- PROBLEM REQUIREMENTS -
Find the line holding "#137=IFCINDEXEDPOLYGONALFACE((3,35,42,6));" in the entries below. Give it again exactly, along with every line after it up to and including the line holding "#156=IFCINDEXEDPOLYGONALFACE((22,58,60,24));".

=== Begin Enclosure ===

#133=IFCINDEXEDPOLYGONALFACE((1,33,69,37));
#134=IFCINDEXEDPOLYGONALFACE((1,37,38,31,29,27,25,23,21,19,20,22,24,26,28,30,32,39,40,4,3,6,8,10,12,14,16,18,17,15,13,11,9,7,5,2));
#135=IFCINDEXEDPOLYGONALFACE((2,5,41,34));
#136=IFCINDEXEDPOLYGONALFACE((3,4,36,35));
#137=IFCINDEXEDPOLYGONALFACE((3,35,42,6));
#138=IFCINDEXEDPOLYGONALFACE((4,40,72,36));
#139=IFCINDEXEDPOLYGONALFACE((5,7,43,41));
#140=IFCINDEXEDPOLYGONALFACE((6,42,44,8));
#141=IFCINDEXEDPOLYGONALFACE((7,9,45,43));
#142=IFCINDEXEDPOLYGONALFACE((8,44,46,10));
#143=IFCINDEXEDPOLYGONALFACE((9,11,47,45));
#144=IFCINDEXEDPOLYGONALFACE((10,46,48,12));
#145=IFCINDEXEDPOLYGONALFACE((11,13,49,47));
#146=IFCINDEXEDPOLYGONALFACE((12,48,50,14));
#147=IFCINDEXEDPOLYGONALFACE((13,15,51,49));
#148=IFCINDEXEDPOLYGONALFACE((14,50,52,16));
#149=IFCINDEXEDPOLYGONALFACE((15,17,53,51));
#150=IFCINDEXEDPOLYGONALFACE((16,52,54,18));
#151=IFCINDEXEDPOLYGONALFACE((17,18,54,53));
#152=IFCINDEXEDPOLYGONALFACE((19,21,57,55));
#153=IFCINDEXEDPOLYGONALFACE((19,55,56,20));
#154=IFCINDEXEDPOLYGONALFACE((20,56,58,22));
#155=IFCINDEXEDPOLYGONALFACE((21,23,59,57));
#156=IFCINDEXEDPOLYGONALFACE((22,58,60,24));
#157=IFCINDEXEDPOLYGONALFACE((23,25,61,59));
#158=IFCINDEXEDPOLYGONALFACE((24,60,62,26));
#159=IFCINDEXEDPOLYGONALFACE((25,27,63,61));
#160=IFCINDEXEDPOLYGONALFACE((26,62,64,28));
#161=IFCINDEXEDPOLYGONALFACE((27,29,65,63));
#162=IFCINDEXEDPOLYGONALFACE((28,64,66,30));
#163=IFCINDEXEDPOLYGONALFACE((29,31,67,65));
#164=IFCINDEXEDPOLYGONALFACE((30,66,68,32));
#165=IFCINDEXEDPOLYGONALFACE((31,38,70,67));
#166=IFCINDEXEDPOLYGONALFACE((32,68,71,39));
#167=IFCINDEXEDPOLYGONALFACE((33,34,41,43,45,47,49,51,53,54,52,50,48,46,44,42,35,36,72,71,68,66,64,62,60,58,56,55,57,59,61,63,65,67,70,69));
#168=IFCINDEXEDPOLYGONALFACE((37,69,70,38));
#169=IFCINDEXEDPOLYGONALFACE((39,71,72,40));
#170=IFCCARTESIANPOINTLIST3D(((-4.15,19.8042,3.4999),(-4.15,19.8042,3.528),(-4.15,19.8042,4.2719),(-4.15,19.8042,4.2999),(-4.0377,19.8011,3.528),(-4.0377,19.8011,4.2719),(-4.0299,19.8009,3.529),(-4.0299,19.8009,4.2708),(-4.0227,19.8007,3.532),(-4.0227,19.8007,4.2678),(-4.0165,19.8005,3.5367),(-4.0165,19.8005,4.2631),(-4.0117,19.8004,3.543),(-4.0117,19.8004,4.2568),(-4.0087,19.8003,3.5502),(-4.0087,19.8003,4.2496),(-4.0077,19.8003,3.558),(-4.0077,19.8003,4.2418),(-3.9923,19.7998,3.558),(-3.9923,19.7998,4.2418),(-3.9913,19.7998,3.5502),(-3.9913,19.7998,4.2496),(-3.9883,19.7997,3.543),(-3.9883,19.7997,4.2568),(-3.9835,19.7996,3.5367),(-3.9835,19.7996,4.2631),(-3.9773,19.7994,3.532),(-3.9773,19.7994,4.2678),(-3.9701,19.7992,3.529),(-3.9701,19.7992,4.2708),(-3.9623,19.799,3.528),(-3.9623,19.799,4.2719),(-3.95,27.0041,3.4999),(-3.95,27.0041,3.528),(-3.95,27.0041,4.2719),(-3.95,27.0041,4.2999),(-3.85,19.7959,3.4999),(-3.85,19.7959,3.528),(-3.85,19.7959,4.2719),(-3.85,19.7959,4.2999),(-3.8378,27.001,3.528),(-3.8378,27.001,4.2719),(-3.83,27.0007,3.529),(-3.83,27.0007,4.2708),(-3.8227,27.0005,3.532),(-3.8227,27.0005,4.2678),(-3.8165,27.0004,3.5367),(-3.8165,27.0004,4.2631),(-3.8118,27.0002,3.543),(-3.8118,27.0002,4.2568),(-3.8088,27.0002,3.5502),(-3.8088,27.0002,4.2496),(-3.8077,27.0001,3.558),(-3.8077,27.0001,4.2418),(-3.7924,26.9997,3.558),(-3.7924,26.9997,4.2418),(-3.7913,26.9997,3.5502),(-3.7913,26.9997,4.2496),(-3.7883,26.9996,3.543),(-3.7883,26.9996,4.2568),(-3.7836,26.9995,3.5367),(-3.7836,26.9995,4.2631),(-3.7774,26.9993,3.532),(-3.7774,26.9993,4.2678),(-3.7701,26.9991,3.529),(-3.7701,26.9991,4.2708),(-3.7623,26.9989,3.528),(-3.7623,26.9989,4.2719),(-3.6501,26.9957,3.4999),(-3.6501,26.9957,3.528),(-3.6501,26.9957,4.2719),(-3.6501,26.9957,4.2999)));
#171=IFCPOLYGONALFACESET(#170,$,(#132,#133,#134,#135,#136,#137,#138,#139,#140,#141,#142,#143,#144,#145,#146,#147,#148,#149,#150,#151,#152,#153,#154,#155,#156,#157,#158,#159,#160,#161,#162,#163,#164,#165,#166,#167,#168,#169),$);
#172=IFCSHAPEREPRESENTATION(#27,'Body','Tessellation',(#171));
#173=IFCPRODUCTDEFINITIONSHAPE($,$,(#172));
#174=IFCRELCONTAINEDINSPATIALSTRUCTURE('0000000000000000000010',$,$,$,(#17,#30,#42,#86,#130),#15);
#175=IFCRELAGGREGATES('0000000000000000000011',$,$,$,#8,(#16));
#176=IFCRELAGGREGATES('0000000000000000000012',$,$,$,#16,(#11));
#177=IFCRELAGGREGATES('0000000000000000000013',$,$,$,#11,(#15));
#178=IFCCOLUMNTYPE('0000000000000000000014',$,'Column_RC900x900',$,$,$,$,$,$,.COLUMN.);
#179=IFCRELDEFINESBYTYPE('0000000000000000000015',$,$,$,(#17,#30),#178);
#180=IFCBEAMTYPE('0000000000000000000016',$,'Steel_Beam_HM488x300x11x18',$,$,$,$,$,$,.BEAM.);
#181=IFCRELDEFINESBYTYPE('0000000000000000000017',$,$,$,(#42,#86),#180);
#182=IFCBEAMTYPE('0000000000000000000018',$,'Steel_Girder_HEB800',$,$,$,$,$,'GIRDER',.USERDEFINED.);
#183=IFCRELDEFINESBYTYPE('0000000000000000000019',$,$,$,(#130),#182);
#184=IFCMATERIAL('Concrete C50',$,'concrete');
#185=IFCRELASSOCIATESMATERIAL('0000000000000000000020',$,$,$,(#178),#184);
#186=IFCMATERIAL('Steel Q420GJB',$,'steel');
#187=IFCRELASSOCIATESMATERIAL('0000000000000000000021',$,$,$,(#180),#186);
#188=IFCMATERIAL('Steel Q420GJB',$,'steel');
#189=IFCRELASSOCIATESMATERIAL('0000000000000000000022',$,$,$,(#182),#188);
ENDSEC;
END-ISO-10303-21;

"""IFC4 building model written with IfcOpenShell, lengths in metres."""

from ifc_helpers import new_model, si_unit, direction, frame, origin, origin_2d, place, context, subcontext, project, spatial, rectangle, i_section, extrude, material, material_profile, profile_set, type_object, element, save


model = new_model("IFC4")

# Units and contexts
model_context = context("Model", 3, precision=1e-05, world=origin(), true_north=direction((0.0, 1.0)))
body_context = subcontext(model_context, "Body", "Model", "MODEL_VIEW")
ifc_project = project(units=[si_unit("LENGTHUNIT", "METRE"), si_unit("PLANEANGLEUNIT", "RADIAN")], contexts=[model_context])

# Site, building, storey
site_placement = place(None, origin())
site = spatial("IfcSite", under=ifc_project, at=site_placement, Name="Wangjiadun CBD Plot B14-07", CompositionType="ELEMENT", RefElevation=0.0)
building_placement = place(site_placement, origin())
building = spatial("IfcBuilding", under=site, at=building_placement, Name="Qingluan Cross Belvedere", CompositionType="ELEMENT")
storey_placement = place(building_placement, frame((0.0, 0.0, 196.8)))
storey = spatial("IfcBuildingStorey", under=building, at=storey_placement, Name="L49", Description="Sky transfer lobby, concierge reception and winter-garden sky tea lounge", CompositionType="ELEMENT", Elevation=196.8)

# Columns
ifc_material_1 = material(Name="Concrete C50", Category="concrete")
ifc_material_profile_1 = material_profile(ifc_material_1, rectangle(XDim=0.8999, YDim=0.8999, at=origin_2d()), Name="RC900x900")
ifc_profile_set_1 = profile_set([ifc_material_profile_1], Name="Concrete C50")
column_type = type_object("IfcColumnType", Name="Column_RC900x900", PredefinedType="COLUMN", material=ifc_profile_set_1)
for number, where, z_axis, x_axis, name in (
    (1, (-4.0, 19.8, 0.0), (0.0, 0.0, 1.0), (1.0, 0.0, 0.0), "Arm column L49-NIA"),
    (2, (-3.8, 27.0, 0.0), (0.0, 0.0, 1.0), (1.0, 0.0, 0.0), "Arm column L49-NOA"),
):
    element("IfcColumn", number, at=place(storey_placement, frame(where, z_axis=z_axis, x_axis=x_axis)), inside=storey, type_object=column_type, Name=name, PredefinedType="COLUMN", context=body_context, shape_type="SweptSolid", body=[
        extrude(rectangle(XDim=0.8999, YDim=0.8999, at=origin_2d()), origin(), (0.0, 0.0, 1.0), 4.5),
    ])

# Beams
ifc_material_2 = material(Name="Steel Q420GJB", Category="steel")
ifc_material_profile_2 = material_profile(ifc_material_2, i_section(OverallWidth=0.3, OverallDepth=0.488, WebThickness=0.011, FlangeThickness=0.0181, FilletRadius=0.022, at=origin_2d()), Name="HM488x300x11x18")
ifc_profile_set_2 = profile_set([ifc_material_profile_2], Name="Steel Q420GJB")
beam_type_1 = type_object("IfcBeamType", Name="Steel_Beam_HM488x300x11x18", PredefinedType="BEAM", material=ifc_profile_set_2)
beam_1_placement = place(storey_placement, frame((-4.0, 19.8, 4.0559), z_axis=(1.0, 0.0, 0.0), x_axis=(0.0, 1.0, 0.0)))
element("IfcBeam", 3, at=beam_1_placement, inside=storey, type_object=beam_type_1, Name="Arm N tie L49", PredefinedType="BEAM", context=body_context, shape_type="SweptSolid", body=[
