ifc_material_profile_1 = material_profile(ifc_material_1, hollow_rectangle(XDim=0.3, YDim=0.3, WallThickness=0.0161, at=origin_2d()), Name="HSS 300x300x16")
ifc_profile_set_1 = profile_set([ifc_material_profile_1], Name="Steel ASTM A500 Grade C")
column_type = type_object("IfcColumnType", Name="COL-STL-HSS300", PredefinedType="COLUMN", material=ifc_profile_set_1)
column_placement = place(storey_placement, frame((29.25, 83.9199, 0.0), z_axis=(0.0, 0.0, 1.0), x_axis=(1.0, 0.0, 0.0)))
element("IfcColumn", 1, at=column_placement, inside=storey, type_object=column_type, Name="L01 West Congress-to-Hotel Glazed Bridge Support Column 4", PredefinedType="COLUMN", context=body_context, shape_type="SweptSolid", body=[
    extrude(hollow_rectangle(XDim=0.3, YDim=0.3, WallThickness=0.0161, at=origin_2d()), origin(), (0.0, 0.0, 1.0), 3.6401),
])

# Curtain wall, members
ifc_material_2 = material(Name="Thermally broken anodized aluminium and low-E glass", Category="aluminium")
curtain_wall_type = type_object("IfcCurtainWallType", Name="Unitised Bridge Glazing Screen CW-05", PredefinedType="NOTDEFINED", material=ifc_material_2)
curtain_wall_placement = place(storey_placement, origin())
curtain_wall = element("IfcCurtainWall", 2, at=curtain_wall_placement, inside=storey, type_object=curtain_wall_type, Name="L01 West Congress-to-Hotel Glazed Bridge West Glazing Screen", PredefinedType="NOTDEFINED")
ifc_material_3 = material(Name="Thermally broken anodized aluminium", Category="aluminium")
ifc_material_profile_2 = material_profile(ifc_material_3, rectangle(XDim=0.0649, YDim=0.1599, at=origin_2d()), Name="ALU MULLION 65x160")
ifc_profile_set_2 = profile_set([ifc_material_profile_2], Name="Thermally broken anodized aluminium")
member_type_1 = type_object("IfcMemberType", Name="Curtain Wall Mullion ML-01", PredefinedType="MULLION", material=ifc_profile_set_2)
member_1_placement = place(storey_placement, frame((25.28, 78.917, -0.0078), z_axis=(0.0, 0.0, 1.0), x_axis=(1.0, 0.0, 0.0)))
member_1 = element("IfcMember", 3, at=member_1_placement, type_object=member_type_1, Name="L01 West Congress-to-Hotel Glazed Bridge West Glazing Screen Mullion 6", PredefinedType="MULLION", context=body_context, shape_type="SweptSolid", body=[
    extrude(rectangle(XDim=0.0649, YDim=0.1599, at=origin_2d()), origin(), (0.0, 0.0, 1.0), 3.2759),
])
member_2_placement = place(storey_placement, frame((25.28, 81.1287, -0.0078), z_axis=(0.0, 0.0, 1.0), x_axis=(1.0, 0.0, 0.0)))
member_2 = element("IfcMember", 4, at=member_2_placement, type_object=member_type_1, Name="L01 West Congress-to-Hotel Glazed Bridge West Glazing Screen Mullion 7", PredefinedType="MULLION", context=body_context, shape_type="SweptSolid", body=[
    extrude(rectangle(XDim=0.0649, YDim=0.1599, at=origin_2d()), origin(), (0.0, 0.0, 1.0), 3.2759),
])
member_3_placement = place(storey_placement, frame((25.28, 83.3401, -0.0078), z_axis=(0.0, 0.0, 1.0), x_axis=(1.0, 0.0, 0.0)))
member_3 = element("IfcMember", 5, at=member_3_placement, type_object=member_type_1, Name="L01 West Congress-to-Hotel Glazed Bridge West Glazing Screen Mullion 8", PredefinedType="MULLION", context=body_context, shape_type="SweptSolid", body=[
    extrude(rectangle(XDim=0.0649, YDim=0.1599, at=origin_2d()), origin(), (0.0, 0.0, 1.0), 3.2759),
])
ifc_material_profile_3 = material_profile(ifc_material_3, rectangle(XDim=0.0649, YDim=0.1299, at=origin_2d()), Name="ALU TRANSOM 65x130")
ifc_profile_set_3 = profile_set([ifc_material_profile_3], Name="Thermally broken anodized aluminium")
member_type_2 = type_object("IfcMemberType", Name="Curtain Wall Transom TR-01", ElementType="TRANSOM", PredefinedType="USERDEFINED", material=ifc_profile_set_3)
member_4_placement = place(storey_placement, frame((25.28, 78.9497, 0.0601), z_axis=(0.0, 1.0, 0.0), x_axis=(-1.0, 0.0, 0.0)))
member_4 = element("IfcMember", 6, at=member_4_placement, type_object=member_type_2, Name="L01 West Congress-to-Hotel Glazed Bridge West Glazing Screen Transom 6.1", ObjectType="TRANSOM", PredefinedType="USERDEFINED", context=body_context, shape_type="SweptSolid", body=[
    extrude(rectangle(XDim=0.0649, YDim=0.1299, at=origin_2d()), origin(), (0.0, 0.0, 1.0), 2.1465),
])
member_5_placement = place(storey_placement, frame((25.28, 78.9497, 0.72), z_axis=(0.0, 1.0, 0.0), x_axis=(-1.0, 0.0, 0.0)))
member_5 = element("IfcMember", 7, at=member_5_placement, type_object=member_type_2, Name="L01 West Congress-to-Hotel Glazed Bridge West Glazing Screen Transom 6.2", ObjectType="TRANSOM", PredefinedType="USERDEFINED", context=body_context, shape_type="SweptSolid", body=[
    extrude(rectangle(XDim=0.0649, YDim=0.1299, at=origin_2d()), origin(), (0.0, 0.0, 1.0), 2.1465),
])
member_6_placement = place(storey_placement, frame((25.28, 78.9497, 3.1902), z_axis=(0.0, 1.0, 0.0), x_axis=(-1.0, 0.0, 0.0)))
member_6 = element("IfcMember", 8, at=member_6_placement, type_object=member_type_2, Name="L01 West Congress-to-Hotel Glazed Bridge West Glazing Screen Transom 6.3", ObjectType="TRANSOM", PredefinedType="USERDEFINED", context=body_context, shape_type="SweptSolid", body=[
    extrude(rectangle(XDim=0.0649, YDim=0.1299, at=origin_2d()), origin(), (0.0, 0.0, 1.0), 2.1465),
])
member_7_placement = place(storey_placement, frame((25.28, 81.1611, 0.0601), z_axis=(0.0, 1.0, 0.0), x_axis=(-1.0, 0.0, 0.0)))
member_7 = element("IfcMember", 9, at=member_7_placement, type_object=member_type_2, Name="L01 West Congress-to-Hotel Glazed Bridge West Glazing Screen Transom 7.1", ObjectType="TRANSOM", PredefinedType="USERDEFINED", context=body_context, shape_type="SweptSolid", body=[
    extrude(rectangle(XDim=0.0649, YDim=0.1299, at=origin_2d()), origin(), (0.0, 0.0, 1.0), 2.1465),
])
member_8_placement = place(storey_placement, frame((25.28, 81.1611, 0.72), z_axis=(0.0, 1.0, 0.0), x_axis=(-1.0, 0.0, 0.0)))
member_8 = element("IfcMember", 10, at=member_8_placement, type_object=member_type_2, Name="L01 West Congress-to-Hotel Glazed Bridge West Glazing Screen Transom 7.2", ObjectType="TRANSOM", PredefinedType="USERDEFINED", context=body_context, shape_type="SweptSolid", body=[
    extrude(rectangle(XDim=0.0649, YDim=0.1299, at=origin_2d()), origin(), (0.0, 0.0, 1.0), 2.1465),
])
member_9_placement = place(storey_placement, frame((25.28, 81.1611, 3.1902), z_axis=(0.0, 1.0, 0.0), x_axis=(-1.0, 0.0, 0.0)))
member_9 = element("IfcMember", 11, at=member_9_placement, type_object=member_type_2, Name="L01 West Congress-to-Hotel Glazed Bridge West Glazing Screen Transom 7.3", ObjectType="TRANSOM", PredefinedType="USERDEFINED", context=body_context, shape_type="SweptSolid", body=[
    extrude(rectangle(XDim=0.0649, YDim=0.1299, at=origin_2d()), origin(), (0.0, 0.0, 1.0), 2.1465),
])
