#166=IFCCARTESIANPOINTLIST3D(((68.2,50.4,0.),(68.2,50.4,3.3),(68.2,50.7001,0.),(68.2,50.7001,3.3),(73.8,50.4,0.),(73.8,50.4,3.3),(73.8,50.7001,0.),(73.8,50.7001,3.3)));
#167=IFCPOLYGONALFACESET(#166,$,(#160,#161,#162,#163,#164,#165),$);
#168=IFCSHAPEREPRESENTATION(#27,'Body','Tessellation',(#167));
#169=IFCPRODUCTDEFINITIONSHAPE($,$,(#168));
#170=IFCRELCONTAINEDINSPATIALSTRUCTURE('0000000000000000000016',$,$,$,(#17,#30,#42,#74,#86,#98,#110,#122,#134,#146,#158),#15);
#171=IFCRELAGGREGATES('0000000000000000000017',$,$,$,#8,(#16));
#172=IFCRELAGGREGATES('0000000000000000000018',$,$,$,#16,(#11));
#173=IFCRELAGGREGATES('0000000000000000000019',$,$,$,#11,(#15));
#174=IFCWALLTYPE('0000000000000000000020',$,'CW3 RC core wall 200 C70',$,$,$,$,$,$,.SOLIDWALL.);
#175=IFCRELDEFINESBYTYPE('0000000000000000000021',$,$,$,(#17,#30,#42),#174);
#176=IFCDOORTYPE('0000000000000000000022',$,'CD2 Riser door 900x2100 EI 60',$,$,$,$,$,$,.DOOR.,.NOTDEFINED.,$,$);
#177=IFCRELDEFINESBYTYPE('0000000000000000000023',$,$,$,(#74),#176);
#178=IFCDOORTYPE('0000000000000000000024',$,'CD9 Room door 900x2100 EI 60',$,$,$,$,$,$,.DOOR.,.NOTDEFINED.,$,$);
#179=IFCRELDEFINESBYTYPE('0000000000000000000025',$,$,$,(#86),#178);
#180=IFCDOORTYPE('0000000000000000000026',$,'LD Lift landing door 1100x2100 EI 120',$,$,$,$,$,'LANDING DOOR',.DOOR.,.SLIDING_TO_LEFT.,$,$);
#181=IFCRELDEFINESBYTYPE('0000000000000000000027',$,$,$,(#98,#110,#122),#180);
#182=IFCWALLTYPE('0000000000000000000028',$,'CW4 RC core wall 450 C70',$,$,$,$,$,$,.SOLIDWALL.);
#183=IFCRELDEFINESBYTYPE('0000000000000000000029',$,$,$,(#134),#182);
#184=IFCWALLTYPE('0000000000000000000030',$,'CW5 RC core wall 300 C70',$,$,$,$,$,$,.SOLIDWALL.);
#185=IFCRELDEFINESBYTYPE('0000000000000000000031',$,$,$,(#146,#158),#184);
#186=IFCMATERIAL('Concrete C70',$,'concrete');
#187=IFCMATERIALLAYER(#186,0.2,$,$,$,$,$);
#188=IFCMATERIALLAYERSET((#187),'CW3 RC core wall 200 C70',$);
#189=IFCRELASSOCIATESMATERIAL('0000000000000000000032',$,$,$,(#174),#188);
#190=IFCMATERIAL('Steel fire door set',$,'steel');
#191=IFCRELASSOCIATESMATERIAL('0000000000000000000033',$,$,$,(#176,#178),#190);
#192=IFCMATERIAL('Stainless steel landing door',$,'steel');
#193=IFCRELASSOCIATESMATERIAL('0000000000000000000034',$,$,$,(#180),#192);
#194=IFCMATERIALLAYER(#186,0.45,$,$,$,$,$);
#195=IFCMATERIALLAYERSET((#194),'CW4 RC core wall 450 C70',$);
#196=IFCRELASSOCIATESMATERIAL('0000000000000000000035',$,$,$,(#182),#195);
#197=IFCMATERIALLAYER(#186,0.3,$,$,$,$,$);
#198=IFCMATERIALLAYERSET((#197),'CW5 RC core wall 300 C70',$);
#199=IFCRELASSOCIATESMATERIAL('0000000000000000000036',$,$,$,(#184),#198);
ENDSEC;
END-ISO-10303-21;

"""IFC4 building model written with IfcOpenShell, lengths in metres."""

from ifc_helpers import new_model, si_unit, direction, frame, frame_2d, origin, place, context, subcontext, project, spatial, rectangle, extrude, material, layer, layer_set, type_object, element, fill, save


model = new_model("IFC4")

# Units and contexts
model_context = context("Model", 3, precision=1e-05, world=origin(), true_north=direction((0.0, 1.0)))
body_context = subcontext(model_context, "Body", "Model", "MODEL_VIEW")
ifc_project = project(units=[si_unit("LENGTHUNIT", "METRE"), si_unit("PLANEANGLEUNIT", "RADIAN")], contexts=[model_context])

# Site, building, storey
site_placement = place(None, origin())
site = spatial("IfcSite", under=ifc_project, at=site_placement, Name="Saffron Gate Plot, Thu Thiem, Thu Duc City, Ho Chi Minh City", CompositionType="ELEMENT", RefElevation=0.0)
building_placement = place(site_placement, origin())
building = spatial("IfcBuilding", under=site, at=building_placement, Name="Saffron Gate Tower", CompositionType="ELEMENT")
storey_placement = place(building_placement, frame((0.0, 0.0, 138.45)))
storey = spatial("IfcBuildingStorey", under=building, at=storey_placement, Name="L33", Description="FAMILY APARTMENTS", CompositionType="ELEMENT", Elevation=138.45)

=== End Enclosure ===

- WORKED SOLUTION -
#137=IFCINDEXEDPOLYGONALFACE((3,35,42,6));
#138=IFCINDEXEDPOLYGONALFACE((4,40,72,36));
#139=IFCINDEXEDPOLYGONALFACE((5,7,43,41));
#140=IFCINDEXEDPOLYGONALFACE((6,42,44,8));
#141=IFCINDEXEDPOLYGONALFACE((7,9,45,43));
#142=IFCINDEXEDPOLYGONALFACE((8,44,46,10));
#143=IFCINDEXEDPOLYGONALFACE((9,11,47,45));
#144=IFCINDEXEDPOLYGONALFACE((10,46,48,12));
#145=IFCINDEXEDPOLYGONALFACE((11,13,49,47));
#146=IFCINDEXEDPOLYGONALFACE((12,48,50,14));
#147=IFCINDEXEDPOLYGONALFACE((13,15,51,49));
#148=IFCINDEXEDPOLYGONALFACE((14,50,52,16));
#149=IFCINDEXEDPOLYGONALFACE((15,17,53,51));
#150=IFCINDEXEDPOLYGONALFACE((16,52,54,18));
#151=IFCINDEXEDPOLYGONALFACE((17,18,54,53));
#152=IFCINDEXEDPOLYGONALFACE((19,21,57,55));
#153=IFCINDEXEDPOLYGONALFACE((19,55,56,20));
#154=IFCINDEXEDPOLYGONALFACE((20,56,58,22));
#155=IFCINDEXEDPOLYGONALFACE((21,23,59,57));
#156=IFCINDEXEDPOLYGONALFACE((22,58,60,24));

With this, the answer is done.